PROBLEM TO SOLVE
Each entry is to be printed again word for word.
-- PROVIDED ENTRIES follows --
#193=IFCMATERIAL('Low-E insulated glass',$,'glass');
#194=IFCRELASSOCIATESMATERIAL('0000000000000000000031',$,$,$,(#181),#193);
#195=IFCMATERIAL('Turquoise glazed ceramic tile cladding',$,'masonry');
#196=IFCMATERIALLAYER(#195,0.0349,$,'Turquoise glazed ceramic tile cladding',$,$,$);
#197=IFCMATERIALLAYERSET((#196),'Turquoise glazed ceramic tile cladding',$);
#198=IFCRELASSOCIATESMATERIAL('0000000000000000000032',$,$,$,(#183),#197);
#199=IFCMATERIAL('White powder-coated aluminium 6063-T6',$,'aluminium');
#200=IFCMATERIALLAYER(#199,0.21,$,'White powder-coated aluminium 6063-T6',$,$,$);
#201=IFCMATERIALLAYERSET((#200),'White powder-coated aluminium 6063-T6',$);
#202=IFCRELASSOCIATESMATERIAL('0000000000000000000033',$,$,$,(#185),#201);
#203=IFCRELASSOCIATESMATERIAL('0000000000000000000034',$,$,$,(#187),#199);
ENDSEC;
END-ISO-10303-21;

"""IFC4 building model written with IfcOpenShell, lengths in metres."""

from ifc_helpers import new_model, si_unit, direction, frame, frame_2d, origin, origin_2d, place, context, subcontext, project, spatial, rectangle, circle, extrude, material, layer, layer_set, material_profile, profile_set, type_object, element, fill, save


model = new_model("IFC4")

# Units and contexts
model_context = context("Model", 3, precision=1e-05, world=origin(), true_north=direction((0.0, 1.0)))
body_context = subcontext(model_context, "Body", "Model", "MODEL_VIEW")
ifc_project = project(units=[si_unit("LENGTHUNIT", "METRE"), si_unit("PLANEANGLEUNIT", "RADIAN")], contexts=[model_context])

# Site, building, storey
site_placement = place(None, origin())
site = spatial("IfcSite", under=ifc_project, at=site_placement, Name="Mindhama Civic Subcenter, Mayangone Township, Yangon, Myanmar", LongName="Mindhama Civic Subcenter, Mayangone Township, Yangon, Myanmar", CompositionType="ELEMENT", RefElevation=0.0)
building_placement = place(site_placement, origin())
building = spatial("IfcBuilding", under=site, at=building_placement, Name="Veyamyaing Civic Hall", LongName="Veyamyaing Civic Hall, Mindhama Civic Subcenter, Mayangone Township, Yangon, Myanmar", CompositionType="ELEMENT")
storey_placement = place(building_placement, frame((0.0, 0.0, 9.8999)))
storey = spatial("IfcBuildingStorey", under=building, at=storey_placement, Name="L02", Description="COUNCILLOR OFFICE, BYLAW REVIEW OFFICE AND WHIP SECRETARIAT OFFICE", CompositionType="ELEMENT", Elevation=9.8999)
-- PROVIDED ENTRIES concluded --
WORKED SOLUTION
#193=IFCMATERIAL('Low-E insulated glass',$,'glass');
#194=IFCRELASSOCIATESMATERIAL('0000000000000000000031',$,$,$,(#181),#193);
#195=IFCMATERIAL('Turquoise glazed ceramic tile cladding',$,'masonry');
#196=IFCMATERIALLAYER(#195,0.0349,$,'Turquoise glazed ceramic tile cladding',$,$,$);
#197=IFCMATERIALLAYERSET((#196),'Turquoise glazed ceramic tile cladding',$);
#198=IFCRELASSOCIATESMATERIAL('0000000000000000000032',$,$,$,(#183),#197);
#199=IFCMATERIAL('White powder-coated aluminium 6063-T6',$,'aluminium');
#200=IFCMATERIALLAYER(#199,0.21,$,'White powder-coated aluminium 6063-T6',$,$,$);
#201=IFCMATERIALLAYERSET((#200),'White powder-coated aluminium 6063-T6',$);
#202=IFCRELASSOCIATESMATERIAL('0000000000000000000033',$,$,$,(#185),#201);
#203=IFCRELASSOCIATESMATERIAL('0000000000000000000034',$,$,$,(#187),#199);
ENDSEC;
END-ISO-10303-21;

"""IFC4 building model written with IfcOpenShell, lengths in metres."""

from ifc_helpers import new_model, si_unit, direction, frame, frame_2d, origin, origin_2d, place, context, subcontext, project, spatial, rectangle, circle, extrude, material, layer, layer_set, material_profile, profile_set, type_object, element, fill, save


model = new_model("IFC4")

# Units and contexts
model_context = context("Model", 3, precision=1e-05, world=origin(), true_north=direction((0.0, 1.0)))
body_context = subcontext(model_context, "Body", "Model", "MODEL_VIEW")
ifc_project = project(units=[si_unit("LENGTHUNIT", "METRE"), si_unit("PLANEANGLEUNIT", "RADIAN")], contexts=[model_context])

# Site, building, storey
site_placement = place(None, origin())
site = spatial("IfcSite", under=ifc_project, at=site_placement, Name="Mindhama Civic Subcenter, Mayangone Township, Yangon, Myanmar", LongName="Mindhama Civic Subcenter, Mayangone Township, Yangon, Myanmar", CompositionType="ELEMENT", RefElevation=0.0)
building_placement = place(site_placement, origin())
building = spatial("IfcBuilding", under=site, at=building_placement, Name="Veyamyaing Civic Hall", LongName="Veyamyaing Civic Hall, Mindhama Civic Subcenter, Mayangone Township, Yangon, Myanmar", CompositionType="ELEMENT")
storey_placement = place(building_placement, frame((0.0, 0.0, 9.8999)))
storey = spatial("IfcBuildingStorey", under=building, at=storey_placement, Name="L02", Description="COUNCILLOR OFFICE, BYLAW REVIEW OFFICE AND WHIP SECRETARIAT OFFICE", CompositionType="ELEMENT", Elevation=9.8999)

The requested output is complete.